> [YOUR OBJECTIVE]: Your answer must be a single number: how many lines in the records include the word "PredefinedType".

> [DATA TO PROCESS]:
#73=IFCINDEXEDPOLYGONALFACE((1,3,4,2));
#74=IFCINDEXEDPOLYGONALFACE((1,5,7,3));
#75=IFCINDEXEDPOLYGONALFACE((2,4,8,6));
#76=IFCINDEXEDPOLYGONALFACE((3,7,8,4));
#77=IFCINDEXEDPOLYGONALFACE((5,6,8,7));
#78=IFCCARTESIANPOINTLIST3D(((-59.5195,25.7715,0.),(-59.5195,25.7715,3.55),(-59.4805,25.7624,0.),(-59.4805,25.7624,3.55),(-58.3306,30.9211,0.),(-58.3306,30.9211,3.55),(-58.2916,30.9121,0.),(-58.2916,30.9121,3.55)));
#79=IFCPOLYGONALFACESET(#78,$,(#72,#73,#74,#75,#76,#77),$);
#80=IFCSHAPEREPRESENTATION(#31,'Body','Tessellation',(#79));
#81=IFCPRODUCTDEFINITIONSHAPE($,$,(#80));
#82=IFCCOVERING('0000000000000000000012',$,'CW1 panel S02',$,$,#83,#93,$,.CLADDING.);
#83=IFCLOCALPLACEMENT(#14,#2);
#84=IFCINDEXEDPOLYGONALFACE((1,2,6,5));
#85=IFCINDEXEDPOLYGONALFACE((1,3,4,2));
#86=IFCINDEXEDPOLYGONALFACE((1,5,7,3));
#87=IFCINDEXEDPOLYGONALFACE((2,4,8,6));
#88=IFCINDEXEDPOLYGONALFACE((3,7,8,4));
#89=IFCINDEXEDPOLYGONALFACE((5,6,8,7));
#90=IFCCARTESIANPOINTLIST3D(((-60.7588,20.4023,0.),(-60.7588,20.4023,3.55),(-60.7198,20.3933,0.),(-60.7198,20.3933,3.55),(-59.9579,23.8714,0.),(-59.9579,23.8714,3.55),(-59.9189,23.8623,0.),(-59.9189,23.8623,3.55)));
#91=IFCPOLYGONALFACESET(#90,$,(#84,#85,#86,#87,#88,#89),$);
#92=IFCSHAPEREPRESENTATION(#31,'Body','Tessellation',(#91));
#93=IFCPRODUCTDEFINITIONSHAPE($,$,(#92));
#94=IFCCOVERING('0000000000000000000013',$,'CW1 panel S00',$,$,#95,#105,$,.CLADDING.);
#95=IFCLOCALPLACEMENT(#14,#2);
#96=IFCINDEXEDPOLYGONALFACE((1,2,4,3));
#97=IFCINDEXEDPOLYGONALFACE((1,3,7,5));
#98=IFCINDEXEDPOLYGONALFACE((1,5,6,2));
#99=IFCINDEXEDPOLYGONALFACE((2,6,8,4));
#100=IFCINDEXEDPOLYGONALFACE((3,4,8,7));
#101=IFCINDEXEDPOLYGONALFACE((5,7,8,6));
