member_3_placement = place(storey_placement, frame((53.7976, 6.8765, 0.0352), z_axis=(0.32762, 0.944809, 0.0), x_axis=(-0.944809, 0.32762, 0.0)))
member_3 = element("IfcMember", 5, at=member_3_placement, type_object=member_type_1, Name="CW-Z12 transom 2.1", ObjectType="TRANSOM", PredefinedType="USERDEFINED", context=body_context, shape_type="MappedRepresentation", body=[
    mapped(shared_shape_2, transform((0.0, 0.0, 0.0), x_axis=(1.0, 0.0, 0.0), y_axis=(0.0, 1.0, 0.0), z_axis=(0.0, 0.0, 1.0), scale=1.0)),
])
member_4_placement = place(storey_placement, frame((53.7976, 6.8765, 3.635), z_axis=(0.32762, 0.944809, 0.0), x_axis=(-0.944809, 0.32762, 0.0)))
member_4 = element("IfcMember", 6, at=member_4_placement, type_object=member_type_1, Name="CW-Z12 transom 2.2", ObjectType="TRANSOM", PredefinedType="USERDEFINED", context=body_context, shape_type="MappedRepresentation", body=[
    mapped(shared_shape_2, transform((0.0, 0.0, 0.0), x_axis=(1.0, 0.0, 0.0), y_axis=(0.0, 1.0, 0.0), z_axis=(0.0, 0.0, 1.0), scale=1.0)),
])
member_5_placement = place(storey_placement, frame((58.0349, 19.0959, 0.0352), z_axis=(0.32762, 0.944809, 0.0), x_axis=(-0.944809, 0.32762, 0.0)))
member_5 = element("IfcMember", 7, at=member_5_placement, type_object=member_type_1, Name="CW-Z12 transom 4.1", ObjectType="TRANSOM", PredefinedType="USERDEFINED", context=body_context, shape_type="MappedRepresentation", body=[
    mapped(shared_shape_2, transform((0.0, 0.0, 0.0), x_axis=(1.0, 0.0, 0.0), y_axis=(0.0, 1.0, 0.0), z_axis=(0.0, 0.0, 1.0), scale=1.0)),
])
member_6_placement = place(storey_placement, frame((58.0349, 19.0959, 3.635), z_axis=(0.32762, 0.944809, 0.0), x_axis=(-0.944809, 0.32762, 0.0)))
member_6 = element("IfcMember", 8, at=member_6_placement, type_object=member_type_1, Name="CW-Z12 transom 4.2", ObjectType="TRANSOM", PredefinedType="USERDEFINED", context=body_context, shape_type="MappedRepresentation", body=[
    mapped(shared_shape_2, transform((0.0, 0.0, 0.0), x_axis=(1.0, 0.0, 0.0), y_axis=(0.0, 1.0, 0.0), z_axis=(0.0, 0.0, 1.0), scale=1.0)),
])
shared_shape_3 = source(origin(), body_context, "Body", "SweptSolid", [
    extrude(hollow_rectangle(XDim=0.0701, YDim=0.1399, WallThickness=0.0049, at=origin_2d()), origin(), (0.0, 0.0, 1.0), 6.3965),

> [REPLY]: 4